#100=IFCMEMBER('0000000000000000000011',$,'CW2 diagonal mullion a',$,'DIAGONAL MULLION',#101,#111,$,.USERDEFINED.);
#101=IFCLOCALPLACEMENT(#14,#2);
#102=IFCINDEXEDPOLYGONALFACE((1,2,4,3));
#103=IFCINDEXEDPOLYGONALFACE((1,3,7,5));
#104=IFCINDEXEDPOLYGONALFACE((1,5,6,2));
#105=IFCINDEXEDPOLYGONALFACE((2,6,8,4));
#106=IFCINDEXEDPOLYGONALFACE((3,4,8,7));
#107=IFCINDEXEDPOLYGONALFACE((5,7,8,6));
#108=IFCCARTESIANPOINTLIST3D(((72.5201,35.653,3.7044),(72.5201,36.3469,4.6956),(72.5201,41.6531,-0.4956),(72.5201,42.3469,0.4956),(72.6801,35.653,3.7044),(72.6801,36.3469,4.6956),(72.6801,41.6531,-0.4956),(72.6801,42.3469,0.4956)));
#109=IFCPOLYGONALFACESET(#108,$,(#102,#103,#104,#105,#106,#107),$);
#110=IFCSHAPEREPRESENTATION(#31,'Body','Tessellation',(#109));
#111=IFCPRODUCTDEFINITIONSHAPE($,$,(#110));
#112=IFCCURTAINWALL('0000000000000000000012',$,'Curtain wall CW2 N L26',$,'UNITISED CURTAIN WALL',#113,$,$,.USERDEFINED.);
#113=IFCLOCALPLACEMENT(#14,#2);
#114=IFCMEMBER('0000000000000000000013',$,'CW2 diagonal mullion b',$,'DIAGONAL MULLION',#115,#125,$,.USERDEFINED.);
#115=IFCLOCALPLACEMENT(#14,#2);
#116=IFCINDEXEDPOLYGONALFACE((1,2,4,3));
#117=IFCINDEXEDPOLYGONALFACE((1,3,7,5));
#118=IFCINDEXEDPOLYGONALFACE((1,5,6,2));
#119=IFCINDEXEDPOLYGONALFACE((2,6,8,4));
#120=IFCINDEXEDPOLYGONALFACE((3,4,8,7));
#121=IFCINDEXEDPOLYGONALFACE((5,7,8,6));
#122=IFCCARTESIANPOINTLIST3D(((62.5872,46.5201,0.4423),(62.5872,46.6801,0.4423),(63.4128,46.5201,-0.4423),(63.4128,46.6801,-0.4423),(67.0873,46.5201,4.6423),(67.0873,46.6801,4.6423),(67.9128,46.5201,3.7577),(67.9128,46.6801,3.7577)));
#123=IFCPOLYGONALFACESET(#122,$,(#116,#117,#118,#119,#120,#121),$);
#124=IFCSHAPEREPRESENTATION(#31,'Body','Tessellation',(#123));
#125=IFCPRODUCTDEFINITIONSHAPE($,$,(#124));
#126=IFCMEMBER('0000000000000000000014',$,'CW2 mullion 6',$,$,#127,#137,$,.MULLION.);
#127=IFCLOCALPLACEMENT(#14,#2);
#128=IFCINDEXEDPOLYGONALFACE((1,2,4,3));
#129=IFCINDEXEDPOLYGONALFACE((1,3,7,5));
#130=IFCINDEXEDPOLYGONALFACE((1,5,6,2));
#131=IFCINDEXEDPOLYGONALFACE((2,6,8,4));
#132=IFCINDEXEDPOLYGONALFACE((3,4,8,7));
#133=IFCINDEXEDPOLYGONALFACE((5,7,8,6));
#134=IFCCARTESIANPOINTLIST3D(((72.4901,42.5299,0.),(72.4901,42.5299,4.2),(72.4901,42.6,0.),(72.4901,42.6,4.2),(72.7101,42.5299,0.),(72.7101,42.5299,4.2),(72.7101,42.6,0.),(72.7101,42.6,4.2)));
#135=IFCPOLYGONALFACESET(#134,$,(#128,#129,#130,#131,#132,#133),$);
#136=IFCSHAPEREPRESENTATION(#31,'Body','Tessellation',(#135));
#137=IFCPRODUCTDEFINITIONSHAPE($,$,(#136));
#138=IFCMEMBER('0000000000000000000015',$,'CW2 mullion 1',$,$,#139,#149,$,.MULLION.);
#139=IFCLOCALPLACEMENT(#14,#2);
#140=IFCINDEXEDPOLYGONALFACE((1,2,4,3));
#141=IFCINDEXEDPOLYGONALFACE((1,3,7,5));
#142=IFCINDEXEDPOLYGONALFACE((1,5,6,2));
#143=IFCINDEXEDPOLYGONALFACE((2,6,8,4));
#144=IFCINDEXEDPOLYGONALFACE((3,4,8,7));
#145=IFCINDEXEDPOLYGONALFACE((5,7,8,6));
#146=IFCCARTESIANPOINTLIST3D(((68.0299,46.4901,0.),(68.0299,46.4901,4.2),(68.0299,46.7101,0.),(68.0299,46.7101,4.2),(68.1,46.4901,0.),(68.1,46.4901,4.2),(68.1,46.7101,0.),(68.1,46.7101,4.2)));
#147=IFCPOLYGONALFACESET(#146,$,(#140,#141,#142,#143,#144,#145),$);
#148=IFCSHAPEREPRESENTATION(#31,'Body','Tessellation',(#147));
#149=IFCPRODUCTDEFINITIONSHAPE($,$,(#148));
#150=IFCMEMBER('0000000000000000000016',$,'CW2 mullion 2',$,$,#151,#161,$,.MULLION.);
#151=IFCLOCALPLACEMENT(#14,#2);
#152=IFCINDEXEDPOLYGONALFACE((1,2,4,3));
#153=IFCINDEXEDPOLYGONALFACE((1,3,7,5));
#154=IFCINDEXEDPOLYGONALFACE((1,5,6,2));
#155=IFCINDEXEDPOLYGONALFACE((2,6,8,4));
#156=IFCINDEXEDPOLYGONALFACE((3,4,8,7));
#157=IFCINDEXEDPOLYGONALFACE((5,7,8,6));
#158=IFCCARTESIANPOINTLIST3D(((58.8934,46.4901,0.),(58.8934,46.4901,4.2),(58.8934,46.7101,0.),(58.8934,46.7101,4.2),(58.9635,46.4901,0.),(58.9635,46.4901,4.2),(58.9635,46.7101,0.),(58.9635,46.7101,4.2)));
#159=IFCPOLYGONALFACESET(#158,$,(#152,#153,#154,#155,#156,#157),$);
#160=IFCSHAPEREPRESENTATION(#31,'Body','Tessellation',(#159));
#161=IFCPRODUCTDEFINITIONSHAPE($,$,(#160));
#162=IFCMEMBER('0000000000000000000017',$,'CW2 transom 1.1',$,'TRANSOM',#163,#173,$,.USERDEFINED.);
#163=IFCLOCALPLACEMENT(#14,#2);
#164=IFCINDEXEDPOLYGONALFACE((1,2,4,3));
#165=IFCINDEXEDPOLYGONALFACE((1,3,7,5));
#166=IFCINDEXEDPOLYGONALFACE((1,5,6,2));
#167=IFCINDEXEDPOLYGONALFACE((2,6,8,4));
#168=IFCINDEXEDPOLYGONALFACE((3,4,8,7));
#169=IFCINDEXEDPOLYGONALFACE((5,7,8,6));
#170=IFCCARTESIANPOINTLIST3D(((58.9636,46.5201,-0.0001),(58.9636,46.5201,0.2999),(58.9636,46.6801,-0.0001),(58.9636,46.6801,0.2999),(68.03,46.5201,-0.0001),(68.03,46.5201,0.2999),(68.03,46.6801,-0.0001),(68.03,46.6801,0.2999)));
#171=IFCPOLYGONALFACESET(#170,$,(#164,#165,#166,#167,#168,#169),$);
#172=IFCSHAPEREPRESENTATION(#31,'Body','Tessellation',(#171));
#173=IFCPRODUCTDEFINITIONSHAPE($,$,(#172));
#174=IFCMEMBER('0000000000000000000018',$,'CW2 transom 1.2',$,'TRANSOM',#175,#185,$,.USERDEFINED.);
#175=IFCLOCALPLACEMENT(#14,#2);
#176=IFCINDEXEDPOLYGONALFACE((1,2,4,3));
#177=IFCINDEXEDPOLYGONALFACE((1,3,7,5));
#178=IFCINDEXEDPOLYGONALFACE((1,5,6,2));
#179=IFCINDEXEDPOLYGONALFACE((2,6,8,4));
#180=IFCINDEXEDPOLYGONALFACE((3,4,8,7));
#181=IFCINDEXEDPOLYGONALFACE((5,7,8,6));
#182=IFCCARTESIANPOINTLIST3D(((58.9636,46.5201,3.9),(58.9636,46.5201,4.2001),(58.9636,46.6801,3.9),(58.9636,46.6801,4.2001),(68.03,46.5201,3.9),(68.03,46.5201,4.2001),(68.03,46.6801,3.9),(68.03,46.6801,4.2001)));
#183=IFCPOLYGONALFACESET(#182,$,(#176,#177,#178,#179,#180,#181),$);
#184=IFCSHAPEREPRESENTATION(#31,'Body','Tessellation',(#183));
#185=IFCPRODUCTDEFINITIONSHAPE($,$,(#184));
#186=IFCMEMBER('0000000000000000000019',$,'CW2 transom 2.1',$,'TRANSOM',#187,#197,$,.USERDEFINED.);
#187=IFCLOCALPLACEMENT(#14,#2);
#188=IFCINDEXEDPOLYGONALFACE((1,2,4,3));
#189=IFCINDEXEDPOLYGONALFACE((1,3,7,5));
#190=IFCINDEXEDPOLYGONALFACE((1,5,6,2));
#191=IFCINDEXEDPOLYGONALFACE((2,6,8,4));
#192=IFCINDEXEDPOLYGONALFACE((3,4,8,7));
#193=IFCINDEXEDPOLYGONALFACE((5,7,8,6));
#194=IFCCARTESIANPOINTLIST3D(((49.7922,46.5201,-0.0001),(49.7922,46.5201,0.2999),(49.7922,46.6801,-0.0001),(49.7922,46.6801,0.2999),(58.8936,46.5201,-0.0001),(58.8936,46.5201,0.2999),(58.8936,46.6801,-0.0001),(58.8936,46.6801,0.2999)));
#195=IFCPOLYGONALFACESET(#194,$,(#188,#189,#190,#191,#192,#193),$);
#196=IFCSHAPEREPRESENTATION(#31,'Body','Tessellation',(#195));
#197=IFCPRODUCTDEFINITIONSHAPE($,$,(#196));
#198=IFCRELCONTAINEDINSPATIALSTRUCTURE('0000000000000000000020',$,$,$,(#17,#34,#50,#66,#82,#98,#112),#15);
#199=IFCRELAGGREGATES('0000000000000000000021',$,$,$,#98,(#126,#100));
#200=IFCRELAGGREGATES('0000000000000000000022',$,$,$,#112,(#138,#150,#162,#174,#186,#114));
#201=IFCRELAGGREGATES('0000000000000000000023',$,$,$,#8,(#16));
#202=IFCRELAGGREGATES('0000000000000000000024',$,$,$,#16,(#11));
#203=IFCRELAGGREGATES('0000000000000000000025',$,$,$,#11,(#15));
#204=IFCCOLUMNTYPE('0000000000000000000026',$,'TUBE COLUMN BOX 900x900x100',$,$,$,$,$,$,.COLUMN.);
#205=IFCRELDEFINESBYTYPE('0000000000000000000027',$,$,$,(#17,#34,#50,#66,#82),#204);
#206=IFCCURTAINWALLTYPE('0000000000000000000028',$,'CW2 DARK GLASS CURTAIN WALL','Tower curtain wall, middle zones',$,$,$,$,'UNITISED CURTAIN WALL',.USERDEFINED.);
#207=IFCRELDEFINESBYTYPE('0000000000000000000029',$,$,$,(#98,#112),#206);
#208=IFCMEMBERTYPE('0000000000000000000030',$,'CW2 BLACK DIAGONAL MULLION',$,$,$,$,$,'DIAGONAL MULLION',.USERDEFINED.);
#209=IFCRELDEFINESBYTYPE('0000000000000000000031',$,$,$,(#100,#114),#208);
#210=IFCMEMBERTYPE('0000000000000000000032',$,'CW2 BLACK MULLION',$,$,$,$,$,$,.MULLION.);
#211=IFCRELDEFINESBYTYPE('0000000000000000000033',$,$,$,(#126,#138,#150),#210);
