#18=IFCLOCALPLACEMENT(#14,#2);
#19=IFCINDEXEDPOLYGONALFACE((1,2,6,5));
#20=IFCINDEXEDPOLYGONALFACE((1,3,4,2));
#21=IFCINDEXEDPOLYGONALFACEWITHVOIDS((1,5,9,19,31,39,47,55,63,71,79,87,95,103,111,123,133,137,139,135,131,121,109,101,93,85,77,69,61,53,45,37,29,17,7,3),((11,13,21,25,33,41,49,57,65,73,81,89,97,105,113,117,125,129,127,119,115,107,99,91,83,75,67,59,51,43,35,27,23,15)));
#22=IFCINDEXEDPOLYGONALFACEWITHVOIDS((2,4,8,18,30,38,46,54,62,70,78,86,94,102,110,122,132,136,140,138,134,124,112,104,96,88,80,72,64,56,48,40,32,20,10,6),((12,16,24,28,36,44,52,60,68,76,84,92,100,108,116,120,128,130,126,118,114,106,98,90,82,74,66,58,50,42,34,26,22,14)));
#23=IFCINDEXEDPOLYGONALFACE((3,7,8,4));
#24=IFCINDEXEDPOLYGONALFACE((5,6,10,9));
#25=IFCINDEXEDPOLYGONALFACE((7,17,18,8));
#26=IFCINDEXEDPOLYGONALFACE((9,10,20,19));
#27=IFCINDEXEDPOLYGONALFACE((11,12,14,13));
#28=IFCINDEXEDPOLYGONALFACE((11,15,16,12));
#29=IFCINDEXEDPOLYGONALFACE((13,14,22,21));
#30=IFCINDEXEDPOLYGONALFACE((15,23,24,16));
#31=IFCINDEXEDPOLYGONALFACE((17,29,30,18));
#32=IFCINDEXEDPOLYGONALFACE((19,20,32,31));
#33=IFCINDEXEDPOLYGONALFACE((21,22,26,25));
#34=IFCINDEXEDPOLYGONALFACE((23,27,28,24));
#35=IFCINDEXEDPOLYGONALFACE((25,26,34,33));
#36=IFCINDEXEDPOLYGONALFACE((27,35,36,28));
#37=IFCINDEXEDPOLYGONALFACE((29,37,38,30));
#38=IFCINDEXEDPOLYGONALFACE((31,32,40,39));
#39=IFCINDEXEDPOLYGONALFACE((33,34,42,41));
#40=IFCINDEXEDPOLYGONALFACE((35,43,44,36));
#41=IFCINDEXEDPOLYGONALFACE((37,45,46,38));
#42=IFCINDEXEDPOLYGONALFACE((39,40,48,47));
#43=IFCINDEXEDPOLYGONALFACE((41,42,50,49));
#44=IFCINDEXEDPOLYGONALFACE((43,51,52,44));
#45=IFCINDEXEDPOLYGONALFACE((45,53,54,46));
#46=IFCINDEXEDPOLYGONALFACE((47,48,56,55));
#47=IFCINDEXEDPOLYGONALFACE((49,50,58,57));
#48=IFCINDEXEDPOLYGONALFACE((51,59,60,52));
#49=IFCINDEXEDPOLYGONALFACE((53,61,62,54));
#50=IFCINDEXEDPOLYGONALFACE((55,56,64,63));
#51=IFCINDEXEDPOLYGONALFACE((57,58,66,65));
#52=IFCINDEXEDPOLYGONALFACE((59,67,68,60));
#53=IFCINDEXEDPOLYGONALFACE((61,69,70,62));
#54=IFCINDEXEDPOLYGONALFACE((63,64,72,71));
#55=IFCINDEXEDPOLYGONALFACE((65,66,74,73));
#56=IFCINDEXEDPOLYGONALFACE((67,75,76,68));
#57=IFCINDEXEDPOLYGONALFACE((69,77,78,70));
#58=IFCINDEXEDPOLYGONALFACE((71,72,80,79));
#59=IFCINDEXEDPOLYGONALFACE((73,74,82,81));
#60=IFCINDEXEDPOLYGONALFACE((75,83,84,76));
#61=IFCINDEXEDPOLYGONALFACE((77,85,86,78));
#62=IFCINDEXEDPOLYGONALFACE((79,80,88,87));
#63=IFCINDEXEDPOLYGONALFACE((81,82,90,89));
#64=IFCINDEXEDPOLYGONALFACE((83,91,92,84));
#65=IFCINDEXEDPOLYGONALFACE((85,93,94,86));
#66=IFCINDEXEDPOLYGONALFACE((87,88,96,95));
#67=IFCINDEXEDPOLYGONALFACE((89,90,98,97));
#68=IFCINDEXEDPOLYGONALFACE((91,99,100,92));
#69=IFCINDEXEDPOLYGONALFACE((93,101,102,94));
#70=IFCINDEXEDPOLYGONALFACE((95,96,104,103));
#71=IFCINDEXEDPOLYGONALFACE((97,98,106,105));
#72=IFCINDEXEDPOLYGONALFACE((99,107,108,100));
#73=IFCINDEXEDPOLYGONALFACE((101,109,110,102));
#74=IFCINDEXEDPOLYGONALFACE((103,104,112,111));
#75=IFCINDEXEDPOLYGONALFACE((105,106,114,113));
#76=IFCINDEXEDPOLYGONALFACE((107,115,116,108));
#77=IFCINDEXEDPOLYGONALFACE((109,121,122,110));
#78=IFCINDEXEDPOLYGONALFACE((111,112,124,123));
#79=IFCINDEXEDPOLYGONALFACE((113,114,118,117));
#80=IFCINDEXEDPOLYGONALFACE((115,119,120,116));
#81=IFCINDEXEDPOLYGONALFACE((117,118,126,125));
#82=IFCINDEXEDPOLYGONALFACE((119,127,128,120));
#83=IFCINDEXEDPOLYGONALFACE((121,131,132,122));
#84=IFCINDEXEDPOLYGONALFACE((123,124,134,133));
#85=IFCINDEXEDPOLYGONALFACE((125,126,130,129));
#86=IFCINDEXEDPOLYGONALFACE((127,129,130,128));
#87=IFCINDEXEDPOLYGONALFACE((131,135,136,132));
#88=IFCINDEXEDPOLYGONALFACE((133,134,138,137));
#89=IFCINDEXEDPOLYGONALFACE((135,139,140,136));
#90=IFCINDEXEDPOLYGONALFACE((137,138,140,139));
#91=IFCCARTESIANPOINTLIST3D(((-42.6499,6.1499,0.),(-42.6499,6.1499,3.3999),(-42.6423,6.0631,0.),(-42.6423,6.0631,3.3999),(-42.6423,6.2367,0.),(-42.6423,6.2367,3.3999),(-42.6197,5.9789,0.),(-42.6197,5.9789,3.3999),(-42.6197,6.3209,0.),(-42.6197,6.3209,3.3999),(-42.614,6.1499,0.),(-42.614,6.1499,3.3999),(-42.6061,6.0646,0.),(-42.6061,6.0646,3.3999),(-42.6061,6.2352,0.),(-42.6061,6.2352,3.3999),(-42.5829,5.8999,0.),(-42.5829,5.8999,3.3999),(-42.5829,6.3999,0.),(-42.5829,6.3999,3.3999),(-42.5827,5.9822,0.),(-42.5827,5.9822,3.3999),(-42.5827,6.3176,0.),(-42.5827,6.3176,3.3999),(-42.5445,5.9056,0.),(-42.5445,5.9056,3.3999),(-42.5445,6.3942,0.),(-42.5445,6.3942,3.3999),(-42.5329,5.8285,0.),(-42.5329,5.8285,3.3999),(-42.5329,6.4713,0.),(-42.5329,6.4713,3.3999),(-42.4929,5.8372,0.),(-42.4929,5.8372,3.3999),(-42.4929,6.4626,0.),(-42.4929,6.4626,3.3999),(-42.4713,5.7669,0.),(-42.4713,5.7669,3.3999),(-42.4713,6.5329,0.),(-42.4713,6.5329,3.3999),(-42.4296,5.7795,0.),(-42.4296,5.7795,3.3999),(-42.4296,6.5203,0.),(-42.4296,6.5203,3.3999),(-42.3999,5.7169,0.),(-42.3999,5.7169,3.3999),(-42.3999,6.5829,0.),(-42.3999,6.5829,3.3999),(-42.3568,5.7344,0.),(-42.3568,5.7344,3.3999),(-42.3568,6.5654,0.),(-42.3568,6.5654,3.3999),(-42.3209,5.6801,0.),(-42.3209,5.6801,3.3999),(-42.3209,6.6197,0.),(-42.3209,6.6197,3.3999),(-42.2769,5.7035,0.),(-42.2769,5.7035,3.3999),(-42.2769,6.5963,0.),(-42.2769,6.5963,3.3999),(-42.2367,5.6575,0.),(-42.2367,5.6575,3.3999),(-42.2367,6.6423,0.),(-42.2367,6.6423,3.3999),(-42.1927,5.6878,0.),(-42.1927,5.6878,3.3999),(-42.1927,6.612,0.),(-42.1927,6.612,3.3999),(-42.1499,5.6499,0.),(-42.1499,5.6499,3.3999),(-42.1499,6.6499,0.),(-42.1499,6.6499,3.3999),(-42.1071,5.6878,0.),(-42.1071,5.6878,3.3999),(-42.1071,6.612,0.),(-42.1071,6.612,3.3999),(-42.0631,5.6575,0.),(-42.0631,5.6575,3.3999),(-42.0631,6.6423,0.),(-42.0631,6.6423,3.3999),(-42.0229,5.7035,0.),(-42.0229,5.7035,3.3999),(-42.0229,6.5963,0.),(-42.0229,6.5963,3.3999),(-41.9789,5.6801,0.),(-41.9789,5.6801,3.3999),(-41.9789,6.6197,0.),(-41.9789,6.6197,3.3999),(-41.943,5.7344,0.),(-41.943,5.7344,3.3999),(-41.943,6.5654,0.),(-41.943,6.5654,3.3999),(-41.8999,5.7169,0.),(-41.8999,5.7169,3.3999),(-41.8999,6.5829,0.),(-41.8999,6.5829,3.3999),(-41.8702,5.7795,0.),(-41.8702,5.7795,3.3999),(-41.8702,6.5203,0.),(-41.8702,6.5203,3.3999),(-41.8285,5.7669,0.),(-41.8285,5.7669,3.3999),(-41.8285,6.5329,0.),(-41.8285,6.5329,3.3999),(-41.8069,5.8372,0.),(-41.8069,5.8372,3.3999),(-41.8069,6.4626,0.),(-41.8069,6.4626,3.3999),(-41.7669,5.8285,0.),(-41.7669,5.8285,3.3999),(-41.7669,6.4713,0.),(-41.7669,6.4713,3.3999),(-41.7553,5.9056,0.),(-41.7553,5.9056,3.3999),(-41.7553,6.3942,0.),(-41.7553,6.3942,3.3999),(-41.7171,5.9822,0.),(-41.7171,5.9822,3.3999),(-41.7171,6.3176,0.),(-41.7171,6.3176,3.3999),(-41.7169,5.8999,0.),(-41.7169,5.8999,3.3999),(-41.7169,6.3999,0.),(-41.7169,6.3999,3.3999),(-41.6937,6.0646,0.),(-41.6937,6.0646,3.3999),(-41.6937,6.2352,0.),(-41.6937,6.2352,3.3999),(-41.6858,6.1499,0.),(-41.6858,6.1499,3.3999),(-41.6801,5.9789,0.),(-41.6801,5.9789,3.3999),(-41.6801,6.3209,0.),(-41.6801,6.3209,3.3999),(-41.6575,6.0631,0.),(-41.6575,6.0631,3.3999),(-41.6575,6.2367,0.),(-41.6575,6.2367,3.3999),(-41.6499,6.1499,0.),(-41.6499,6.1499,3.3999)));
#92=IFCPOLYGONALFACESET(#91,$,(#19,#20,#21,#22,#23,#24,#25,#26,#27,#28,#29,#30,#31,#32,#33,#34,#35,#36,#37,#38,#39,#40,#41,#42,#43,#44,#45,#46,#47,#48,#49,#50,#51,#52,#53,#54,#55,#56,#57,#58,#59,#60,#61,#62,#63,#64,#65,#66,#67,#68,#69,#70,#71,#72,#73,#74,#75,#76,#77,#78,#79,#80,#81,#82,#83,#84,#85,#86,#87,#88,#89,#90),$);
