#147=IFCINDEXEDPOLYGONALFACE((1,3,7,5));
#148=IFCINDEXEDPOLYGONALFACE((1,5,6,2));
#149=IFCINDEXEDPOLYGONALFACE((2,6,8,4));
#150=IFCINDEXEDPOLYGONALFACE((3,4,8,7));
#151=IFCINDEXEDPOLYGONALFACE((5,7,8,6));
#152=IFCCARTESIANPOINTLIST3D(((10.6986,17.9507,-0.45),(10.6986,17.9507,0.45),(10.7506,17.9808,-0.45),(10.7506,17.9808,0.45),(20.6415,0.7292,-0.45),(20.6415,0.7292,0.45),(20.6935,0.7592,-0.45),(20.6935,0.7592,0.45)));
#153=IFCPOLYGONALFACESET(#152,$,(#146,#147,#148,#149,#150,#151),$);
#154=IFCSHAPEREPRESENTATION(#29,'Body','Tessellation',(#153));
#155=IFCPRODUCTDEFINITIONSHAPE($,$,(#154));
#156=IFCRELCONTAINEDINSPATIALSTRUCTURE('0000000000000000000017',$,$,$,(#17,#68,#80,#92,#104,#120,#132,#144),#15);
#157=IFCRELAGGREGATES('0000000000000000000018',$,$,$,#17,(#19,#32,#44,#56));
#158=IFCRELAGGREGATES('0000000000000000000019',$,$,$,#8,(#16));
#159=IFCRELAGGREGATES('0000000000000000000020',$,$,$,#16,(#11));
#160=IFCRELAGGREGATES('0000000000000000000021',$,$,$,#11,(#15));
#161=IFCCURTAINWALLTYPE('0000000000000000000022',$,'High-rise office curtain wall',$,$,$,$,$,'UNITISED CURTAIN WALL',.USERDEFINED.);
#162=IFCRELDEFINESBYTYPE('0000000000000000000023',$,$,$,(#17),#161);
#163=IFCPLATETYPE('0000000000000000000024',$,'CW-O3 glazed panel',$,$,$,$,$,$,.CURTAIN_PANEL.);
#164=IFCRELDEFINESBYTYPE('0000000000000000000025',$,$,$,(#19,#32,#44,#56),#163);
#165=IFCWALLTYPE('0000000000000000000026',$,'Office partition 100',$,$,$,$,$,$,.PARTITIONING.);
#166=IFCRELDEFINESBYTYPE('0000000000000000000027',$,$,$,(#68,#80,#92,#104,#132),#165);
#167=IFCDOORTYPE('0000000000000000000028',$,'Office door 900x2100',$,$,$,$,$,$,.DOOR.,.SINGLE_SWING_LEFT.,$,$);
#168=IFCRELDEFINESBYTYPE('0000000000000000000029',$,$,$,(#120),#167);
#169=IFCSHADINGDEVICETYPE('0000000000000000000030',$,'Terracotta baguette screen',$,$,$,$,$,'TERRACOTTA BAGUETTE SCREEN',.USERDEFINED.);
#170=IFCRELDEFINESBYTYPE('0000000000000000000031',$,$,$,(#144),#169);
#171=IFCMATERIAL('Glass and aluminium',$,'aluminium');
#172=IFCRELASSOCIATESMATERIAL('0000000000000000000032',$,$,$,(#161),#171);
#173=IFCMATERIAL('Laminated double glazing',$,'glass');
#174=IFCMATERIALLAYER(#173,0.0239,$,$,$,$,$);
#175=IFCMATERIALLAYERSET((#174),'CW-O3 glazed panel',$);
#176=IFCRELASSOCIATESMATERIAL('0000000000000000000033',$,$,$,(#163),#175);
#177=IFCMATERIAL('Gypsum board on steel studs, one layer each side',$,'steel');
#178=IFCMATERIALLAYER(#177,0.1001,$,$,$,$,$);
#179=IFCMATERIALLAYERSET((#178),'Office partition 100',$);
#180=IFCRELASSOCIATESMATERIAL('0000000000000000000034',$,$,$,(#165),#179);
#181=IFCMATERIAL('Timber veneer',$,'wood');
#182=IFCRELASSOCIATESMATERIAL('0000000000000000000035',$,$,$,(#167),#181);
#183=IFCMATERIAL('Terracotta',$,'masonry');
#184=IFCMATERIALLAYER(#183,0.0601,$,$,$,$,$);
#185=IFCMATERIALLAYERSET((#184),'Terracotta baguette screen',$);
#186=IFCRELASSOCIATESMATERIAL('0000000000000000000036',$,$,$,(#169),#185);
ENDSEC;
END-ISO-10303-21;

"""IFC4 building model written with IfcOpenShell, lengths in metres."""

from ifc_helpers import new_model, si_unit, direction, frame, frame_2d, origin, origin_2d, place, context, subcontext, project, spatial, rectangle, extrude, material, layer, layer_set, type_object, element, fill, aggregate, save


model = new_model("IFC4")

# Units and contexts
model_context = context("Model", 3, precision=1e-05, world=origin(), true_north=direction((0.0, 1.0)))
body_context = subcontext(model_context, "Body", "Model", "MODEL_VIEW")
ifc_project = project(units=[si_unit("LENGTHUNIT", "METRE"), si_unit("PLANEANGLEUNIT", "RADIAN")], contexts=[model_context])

Exercise goal - Of all the entries above, retype exactly the lines from the line with "#32=IFCINDEXEDPOLYGONALFACE((19,20,32,31));" to the line with "#69=IFCINDEXEDPOLYGONALFACE((93,101,102,94));", both included, and no others.

Final answer -
#32=IFCINDEXEDPOLYGONALFACE((19,20,32,31));
#33=IFCINDEXEDPOLYGONALFACE((21,22,26,25));
#34=IFCINDEXEDPOLYGONALFACE((23,27,28,24));
#35=IFCINDEXEDPOLYGONALFACE((25,26,34,33));
#36=IFCINDEXEDPOLYGONALFACE((27,35,36,28));
#37=IFCINDEXEDPOLYGONALFACE((29,37,38,30));
#38=IFCINDEXEDPOLYGONALFACE((31,32,40,39));
#39=IFCINDEXEDPOLYGONALFACE((33,34,42,41));
#40=IFCINDEXEDPOLYGONALFACE((35,43,44,36));
#41=IFCINDEXEDPOLYGONALFACE((37,45,46,38));
#42=IFCINDEXEDPOLYGONALFACE((39,40,48,47));
#43=IFCINDEXEDPOLYGONALFACE((41,42,50,49));
#44=IFCINDEXEDPOLYGONALFACE((43,51,52,44));
#45=IFCINDEXEDPOLYGONALFACE((45,53,54,46));
#46=IFCINDEXEDPOLYGONALFACE((47,48,56,55));
#47=IFCINDEXEDPOLYGONALFACE((49,50,58,57));
#48=IFCINDEXEDPOLYGONALFACE((51,59,60,52));
#49=IFCINDEXEDPOLYGONALFACE((53,61,62,54));
#50=IFCINDEXEDPOLYGONALFACE((55,56,64,63));
#51=IFCINDEXEDPOLYGONALFACE((57,58,66,65));
#52=IFCINDEXEDPOLYGONALFACE((59,67,68,60));
#53=IFCINDEXEDPOLYGONALFACE((61,69,70,62));
#54=IFCINDEXEDPOLYGONALFACE((63,64,72,71));
#55=IFCINDEXEDPOLYGONALFACE((65,66,74,73));
#56=IFCINDEXEDPOLYGONALFACE((67,75,76,68));
#57=IFCINDEXEDPOLYGONALFACE((69,77,78,70));
#58=IFCINDEXEDPOLYGONALFACE((71,72,80,79));
#59=IFCINDEXEDPOLYGONALFACE((73,74,82,81));
#60=IFCINDEXEDPOLYGONALFACE((75,83,84,76));
#61=IFCINDEXEDPOLYGONALFACE((77,85,86,78));
#62=IFCINDEXEDPOLYGONALFACE((79,80,88,87));
#63=IFCINDEXEDPOLYGONALFACE((81,82,90,89));
#64=IFCINDEXEDPOLYGONALFACE((83,91,92,84));
#65=IFCINDEXEDPOLYGONALFACE((85,93,94,86));
#66=IFCINDEXEDPOLYGONALFACE((87,88,96,95));
#67=IFCINDEXEDPOLYGONALFACE((89,90,98,97));
#68=IFCINDEXEDPOLYGONALFACE((91,99,100,92));
#69=IFCINDEXEDPOLYGONALFACE((93,101,102,94));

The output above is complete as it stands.